**Records provided:**
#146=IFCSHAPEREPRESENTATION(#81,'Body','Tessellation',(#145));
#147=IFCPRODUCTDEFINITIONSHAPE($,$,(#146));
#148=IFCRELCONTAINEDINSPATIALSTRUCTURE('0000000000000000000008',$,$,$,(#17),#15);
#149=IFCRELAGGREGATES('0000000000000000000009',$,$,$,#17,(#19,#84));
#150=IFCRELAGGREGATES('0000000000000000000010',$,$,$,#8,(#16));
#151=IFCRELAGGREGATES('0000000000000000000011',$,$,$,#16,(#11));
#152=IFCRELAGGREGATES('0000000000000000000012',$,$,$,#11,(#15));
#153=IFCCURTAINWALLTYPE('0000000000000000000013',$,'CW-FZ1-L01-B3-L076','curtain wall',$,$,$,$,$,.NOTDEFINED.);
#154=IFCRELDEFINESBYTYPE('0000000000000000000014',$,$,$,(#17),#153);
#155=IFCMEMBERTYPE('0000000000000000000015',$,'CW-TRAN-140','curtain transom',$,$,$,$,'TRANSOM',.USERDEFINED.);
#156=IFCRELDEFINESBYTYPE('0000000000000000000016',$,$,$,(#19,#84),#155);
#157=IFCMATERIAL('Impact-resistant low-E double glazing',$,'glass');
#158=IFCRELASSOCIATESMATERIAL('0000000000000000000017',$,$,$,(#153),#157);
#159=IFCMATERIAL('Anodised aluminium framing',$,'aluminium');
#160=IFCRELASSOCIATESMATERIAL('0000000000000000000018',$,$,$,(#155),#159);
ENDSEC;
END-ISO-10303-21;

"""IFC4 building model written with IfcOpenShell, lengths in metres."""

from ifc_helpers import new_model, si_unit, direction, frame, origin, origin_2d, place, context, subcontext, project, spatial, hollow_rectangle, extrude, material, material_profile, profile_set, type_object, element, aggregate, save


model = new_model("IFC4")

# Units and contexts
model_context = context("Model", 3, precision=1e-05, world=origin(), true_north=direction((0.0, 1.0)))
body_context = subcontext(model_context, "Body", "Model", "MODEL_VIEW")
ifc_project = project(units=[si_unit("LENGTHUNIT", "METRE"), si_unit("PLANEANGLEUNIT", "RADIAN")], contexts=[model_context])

**Directions for this task:** Search the data for the word "Body" and copy each line where it appears.

**Exercise solution:**
#146=IFCSHAPEREPRESENTATION(#81,'Body','Tessellation',(#145));
body_context = subcontext(model_context, "Body", "Model", "MODEL_VIEW")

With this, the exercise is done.